* About this task *
Give the number of lines in the records below that include "world". Reply with that number alone.

* Provided entries *
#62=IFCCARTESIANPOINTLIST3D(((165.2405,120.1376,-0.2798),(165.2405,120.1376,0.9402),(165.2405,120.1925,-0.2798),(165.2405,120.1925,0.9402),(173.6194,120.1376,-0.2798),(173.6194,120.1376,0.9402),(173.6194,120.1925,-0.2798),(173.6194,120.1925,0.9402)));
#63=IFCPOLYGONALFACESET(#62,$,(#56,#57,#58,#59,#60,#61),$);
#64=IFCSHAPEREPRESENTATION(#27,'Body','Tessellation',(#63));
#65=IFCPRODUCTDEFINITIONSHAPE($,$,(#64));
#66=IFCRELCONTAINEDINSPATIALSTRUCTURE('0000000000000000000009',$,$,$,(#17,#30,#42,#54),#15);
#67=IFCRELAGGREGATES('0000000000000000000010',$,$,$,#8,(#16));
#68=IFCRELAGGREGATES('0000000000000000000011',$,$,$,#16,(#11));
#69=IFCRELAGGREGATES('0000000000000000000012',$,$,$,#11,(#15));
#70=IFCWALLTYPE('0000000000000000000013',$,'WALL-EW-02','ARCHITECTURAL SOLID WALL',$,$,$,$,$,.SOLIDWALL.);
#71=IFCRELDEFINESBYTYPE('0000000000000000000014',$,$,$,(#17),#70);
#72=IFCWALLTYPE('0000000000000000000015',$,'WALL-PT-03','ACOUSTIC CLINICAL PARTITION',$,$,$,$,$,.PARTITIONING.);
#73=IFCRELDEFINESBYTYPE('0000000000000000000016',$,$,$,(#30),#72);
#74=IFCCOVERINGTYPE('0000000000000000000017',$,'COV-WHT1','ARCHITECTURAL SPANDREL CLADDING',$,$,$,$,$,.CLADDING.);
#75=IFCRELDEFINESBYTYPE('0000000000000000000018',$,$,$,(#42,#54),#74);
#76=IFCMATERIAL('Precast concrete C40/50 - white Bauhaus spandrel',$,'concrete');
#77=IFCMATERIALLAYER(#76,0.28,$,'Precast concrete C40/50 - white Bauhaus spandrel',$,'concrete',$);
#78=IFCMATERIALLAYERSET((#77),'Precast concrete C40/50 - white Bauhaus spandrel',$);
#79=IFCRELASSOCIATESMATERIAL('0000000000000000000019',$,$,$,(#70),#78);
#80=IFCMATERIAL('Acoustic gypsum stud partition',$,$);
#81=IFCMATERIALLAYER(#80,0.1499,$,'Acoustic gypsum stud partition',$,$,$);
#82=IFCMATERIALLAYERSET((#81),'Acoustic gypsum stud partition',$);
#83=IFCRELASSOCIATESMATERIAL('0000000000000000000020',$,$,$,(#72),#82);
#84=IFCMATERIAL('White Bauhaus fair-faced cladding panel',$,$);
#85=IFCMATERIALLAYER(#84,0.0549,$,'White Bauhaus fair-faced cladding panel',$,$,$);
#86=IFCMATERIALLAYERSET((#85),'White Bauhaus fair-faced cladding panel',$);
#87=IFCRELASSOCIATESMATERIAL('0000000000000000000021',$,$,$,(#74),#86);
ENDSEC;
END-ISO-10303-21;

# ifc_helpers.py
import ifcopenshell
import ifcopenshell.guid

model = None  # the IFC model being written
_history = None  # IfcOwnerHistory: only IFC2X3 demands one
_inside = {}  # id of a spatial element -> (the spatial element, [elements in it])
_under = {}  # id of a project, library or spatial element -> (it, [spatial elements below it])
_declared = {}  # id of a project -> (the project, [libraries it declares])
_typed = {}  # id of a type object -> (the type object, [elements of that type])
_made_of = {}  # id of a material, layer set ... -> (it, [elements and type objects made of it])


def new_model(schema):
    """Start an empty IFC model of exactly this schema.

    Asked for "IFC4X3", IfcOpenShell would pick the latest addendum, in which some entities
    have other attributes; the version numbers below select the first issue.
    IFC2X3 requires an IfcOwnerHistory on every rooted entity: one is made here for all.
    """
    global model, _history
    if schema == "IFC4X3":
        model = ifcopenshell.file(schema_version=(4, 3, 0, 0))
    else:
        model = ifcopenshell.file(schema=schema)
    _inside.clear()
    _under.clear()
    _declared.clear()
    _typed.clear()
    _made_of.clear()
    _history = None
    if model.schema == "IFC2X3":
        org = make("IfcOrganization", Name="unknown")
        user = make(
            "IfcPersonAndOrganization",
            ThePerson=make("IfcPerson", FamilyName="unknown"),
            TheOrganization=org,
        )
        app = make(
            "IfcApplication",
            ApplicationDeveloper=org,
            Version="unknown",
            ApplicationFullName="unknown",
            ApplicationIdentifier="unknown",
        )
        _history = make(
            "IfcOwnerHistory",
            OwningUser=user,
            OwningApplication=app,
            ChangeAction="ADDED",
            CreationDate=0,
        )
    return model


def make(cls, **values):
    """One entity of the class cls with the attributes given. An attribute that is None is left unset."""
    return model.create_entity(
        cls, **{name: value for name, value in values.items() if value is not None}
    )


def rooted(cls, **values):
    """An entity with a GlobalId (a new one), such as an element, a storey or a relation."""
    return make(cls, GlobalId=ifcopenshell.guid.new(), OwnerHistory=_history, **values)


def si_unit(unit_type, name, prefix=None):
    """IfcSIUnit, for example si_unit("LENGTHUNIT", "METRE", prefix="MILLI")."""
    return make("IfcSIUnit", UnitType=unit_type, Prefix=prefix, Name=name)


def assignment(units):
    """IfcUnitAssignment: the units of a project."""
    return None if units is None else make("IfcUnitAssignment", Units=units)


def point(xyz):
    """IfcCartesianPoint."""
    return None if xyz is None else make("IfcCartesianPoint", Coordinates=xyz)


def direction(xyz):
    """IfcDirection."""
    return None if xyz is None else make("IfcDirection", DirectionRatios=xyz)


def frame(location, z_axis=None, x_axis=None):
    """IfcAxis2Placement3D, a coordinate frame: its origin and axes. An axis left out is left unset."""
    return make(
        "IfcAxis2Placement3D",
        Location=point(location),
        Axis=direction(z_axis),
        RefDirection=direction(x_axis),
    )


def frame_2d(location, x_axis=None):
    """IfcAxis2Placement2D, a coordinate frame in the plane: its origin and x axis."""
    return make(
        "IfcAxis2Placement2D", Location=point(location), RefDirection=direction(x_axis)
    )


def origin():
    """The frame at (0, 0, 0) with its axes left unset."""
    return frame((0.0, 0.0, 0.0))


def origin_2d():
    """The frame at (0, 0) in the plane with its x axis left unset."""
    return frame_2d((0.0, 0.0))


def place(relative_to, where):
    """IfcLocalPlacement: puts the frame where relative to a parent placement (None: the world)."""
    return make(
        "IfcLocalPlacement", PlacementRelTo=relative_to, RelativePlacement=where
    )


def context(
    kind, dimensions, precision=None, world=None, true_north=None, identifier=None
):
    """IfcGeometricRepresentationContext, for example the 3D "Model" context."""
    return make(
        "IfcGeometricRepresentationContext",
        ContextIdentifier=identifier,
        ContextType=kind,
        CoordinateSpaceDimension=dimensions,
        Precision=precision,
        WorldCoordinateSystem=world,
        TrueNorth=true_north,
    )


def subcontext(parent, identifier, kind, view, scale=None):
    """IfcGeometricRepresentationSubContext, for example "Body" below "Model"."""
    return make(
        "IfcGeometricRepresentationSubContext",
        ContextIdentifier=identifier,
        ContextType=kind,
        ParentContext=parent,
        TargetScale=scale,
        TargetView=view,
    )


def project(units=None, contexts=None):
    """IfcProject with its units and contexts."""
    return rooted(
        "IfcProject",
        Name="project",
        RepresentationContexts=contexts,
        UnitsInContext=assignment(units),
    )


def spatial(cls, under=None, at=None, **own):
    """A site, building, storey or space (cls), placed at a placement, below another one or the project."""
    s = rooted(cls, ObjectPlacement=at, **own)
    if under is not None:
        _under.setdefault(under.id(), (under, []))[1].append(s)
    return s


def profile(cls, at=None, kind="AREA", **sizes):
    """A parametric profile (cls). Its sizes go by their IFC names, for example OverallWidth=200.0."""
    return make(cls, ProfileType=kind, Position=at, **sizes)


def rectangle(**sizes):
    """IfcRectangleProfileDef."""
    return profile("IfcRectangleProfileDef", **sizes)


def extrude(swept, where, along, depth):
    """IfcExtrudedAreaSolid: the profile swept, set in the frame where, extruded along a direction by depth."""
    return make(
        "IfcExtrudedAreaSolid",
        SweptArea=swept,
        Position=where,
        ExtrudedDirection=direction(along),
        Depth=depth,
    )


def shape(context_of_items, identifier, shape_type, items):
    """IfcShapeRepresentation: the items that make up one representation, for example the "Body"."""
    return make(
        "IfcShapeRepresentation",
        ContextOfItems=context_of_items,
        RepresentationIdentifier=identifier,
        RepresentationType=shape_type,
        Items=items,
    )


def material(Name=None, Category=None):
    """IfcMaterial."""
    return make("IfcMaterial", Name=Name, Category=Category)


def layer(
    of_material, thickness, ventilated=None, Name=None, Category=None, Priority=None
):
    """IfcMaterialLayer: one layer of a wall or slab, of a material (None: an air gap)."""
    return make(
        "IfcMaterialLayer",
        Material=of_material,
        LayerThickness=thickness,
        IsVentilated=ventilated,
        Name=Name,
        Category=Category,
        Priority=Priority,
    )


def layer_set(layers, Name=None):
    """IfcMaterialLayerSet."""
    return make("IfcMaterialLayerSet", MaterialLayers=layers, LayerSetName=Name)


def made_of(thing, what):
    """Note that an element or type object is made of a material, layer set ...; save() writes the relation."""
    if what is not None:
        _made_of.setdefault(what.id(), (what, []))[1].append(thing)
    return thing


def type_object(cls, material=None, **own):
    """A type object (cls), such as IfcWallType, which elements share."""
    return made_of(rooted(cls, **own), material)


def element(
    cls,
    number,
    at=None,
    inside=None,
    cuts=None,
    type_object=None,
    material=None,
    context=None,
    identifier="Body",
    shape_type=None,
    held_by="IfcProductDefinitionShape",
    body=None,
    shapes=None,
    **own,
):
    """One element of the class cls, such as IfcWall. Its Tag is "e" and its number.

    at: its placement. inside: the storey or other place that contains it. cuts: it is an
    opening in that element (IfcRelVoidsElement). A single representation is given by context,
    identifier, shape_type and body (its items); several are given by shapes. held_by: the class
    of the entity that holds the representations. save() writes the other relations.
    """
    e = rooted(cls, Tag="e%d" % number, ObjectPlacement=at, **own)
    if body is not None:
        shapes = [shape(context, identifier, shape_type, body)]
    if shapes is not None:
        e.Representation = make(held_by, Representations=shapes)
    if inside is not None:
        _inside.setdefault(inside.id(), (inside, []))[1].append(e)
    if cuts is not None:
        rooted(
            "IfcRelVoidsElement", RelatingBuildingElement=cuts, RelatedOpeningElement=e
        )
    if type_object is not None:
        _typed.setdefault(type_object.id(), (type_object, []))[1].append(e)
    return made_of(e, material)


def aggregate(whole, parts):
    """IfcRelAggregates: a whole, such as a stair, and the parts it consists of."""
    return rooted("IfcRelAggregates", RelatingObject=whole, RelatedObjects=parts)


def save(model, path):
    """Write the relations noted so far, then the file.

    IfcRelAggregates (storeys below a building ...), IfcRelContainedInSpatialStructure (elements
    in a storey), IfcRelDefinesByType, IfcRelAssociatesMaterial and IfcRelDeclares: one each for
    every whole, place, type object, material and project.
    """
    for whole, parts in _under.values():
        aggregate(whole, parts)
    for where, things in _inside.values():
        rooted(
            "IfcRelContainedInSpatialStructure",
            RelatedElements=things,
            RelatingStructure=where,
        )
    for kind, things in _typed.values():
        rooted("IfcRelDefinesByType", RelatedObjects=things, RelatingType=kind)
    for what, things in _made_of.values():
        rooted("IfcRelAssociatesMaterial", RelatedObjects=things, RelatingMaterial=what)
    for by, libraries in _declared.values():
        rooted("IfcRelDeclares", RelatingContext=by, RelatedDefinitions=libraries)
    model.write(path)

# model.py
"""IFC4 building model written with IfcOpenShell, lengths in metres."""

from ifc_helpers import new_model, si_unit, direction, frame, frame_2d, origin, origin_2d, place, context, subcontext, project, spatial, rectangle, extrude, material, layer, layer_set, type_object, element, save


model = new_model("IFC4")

--

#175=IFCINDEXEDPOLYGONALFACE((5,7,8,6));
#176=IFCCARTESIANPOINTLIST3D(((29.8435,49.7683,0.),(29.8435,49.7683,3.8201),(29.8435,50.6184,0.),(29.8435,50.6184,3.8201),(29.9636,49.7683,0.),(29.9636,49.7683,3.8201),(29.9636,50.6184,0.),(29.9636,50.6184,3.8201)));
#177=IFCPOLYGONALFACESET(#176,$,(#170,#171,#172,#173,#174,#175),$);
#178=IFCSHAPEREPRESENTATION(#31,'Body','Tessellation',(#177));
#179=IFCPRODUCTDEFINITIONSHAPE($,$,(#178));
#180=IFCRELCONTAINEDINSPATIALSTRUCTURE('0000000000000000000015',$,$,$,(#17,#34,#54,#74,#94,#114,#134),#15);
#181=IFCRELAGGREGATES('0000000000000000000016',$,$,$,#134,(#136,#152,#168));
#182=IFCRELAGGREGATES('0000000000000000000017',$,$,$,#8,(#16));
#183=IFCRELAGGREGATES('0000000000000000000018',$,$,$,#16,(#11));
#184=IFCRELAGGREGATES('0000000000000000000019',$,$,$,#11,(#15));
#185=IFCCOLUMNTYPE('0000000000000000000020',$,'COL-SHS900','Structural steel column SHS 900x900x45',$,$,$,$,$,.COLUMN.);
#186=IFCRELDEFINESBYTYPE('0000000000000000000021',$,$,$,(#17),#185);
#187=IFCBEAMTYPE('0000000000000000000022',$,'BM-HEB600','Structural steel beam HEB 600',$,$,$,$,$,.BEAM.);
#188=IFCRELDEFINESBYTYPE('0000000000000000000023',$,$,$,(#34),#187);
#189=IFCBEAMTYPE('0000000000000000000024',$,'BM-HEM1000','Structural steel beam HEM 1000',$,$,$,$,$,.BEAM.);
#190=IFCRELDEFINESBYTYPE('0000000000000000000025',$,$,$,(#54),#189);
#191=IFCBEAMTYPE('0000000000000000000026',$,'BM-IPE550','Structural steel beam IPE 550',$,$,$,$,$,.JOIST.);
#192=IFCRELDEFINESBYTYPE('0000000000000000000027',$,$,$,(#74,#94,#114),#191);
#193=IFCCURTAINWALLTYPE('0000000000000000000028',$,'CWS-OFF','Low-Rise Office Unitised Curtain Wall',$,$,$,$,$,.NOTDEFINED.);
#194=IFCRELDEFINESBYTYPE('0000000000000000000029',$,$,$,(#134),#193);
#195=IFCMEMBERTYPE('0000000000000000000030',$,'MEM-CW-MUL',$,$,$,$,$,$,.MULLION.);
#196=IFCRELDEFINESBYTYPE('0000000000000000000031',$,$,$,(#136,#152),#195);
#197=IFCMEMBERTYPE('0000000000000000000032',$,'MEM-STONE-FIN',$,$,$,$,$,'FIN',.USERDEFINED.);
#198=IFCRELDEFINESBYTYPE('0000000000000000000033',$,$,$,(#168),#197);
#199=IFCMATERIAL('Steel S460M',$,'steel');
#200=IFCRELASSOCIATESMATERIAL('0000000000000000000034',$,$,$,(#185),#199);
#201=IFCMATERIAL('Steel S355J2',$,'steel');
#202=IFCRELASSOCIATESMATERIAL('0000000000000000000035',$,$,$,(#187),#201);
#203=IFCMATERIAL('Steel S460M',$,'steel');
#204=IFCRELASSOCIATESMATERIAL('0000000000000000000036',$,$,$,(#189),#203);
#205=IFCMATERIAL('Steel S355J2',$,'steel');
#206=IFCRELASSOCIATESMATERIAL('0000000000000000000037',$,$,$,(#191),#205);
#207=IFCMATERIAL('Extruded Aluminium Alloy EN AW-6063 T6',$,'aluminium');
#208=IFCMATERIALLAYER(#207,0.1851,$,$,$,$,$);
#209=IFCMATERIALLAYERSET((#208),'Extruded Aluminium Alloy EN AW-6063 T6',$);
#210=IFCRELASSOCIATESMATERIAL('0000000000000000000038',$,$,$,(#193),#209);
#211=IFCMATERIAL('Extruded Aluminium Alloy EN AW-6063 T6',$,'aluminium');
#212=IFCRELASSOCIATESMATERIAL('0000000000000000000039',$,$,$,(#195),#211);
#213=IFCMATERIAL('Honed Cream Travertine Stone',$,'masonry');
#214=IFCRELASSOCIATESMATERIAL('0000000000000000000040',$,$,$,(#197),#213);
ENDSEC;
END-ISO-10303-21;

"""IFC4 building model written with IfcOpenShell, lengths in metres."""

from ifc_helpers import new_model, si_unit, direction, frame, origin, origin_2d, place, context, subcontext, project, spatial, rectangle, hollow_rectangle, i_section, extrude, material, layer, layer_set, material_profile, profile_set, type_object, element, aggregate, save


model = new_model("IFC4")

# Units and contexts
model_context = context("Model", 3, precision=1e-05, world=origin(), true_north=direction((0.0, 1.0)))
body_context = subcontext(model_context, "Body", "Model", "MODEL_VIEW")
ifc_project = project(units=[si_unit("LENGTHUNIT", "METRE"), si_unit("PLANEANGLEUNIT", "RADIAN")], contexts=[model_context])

* Exercise result *
4